- _Assigned task_:
Find the lines holding the string "OverallWidth" in the data, then copy all of them.

Stored data entries:
▽

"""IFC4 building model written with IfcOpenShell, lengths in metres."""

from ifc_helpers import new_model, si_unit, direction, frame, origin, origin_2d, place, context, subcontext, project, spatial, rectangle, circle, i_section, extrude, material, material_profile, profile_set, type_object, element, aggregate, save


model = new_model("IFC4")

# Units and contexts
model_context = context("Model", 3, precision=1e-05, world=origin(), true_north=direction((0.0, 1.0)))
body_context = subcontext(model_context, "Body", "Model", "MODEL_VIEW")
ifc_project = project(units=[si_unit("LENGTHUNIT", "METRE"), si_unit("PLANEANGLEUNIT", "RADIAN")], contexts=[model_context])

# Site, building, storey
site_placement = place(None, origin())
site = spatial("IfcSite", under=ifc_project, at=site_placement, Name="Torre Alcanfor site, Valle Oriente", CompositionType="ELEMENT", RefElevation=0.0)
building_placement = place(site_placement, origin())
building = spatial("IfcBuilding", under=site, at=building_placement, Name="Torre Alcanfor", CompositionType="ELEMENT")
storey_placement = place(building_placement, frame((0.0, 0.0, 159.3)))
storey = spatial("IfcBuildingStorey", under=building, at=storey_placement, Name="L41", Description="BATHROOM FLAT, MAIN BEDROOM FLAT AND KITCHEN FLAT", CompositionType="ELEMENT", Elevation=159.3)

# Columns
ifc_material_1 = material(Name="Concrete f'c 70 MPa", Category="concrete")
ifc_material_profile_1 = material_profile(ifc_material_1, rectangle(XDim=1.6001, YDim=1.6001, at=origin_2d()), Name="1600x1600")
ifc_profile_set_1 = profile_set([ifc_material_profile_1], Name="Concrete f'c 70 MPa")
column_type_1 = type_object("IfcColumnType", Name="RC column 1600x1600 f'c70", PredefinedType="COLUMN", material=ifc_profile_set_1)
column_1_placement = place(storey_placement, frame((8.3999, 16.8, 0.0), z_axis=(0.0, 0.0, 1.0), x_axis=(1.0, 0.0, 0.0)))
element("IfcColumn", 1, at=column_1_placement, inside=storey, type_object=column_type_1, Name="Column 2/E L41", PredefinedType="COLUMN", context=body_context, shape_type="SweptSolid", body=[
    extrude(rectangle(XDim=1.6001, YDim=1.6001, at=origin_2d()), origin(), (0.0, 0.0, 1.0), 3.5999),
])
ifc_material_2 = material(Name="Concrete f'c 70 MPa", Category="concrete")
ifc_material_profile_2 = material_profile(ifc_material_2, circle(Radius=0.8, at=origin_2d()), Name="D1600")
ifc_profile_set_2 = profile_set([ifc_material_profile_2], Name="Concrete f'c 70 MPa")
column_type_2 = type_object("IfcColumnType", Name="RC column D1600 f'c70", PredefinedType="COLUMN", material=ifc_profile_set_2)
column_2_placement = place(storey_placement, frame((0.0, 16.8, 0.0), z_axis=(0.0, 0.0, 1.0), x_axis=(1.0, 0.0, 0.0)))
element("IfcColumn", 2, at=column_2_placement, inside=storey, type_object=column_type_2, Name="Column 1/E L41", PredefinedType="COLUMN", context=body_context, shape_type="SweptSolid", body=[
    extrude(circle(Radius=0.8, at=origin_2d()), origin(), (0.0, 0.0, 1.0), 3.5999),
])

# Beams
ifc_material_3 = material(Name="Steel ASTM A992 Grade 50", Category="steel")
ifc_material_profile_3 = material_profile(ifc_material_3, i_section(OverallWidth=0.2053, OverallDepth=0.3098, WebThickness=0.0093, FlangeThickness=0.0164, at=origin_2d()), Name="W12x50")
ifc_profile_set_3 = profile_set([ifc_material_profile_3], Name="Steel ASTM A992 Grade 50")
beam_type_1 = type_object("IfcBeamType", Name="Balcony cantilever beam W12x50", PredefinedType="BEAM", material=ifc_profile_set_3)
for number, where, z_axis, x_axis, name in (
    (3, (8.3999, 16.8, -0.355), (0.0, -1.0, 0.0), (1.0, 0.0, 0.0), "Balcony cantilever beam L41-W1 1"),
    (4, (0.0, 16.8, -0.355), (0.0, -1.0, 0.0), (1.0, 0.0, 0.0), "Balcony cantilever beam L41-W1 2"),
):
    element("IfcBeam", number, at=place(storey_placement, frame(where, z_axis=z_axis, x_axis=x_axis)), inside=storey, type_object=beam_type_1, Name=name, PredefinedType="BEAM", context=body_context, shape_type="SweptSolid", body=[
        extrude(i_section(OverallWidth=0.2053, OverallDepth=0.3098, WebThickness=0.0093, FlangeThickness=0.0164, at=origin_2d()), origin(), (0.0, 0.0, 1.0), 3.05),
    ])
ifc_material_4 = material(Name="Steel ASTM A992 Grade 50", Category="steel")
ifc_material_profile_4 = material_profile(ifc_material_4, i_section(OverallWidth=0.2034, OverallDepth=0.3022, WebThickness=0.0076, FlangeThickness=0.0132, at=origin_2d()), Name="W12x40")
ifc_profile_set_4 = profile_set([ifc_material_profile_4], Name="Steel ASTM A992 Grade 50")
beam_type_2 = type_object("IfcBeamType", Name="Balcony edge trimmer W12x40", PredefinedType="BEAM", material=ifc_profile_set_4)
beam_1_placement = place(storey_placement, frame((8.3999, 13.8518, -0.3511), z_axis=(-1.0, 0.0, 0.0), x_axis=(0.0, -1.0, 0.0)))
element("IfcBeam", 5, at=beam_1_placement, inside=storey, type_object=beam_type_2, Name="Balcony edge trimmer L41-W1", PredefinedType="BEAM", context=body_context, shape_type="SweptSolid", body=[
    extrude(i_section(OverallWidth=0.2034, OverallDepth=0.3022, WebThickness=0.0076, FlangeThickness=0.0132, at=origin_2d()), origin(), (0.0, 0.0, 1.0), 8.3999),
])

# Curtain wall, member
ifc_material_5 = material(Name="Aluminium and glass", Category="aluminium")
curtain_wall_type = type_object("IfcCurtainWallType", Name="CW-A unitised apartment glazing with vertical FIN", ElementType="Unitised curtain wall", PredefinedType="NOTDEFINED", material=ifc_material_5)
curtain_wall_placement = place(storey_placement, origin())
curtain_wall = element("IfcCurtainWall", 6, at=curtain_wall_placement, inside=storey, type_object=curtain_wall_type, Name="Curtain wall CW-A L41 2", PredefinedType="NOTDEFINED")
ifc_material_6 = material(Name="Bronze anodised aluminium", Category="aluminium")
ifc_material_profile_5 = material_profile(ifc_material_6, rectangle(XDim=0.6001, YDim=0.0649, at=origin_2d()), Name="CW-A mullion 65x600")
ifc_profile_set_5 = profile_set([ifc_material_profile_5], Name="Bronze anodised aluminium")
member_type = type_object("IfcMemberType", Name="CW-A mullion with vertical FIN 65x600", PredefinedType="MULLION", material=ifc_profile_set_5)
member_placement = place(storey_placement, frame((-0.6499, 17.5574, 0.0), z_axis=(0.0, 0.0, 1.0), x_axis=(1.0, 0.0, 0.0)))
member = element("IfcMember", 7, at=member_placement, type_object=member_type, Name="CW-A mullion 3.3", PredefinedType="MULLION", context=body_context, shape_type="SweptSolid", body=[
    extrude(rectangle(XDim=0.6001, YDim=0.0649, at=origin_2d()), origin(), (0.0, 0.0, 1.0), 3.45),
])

△

- _Your solution_:
ifc_material_profile_3 = material_profile(ifc_material_3, i_section(OverallWidth=0.2053, OverallDepth=0.3098, WebThickness=0.0093, FlangeThickness=0.0164, at=origin_2d()), Name="W12x50")
        extrude(i_section(OverallWidth=0.2053, OverallDepth=0.3098, WebThickness=0.0093, FlangeThickness=0.0164, at=origin_2d()), origin(), (0.0, 0.0, 1.0), 3.05),
ifc_material_profile_4 = material_profile(ifc_material_4, i_section(OverallWidth=0.2034, OverallDepth=0.3022, WebThickness=0.0076, FlangeThickness=0.0132, at=origin_2d()), Name="W12x40")
    extrude(i_section(OverallWidth=0.2034, OverallDepth=0.3022, WebThickness=0.0076, FlangeThickness=0.0132, at=origin_2d()), origin(), (0.0, 0.0, 1.0), 8.3999),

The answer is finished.